== Task requirements ==
Copy out each line of the listing that has the word "CompositionType" in it.

== Records for this task ==
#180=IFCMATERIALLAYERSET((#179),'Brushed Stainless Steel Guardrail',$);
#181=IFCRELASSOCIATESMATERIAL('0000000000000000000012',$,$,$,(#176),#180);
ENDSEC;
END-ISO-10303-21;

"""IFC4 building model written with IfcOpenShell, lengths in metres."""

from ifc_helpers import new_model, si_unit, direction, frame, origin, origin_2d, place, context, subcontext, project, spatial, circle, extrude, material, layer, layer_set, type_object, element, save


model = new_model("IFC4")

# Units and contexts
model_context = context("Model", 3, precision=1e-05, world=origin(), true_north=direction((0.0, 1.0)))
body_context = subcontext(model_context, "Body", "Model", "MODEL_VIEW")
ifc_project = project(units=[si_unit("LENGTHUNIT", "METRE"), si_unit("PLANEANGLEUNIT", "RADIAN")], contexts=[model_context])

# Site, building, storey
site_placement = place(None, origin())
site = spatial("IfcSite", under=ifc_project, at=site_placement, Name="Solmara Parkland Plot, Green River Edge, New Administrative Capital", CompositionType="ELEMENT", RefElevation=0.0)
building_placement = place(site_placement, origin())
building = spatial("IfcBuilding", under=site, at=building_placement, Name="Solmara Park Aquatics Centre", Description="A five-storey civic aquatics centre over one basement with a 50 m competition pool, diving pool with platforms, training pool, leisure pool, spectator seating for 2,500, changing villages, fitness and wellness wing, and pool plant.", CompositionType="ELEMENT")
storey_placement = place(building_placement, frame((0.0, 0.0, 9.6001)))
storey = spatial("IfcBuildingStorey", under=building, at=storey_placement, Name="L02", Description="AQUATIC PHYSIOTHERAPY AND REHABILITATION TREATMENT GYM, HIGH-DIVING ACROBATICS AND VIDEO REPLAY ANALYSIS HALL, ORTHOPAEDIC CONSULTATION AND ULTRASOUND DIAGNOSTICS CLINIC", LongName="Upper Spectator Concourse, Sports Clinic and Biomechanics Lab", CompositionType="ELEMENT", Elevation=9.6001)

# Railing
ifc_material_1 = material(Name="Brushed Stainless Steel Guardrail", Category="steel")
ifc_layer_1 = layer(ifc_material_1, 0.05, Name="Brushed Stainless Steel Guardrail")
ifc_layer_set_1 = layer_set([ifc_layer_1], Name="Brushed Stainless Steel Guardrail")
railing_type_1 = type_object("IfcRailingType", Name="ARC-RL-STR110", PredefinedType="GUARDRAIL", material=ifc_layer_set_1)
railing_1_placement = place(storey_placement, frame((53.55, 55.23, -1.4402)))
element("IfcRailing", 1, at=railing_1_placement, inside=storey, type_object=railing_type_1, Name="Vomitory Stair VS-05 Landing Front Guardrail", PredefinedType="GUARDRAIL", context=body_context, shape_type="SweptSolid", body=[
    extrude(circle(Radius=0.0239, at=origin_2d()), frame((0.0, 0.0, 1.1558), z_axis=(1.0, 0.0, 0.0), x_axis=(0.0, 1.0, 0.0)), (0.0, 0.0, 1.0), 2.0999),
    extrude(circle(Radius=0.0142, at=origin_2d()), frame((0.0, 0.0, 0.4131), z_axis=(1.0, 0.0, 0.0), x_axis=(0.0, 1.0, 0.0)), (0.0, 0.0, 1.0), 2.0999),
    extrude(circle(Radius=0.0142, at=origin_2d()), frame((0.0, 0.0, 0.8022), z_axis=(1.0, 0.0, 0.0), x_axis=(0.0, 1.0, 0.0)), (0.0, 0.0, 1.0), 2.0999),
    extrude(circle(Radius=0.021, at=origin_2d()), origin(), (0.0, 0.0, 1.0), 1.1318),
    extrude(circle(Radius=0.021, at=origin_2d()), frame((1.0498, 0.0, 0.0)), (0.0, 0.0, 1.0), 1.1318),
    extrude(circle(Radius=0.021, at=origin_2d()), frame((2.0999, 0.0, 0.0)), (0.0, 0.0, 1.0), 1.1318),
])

== Output of the task ==
site = spatial("IfcSite", under=ifc_project, at=site_placement, Name="Solmara Parkland Plot, Green River Edge, New Administrative Capital", CompositionType="ELEMENT", RefElevation=0.0)
building = spatial("IfcBuilding", under=site, at=building_placement, Name="Solmara Park Aquatics Centre", Description="A five-storey civic aquatics centre over one basement with a 50 m competition pool, diving pool with platforms, training pool, leisure pool, spectator seating for 2,500, changing villages, fitness and wellness wing, and pool plant.", CompositionType="ELEMENT")
storey = spatial("IfcBuildingStorey", under=building, at=storey_placement, Name="L02", Description="AQUATIC PHYSIOTHERAPY AND REHABILITATION TREATMENT GYM, HIGH-DIVING ACROBATICS AND VIDEO REPLAY ANALYSIS HALL, ORTHOPAEDIC CONSULTATION AND ULTRASOUND DIAGNOSTICS CLINIC", LongName="Upper Spectator Concourse, Sports Clinic and Biomechanics Lab", CompositionType="ELEMENT", Elevation=9.6001)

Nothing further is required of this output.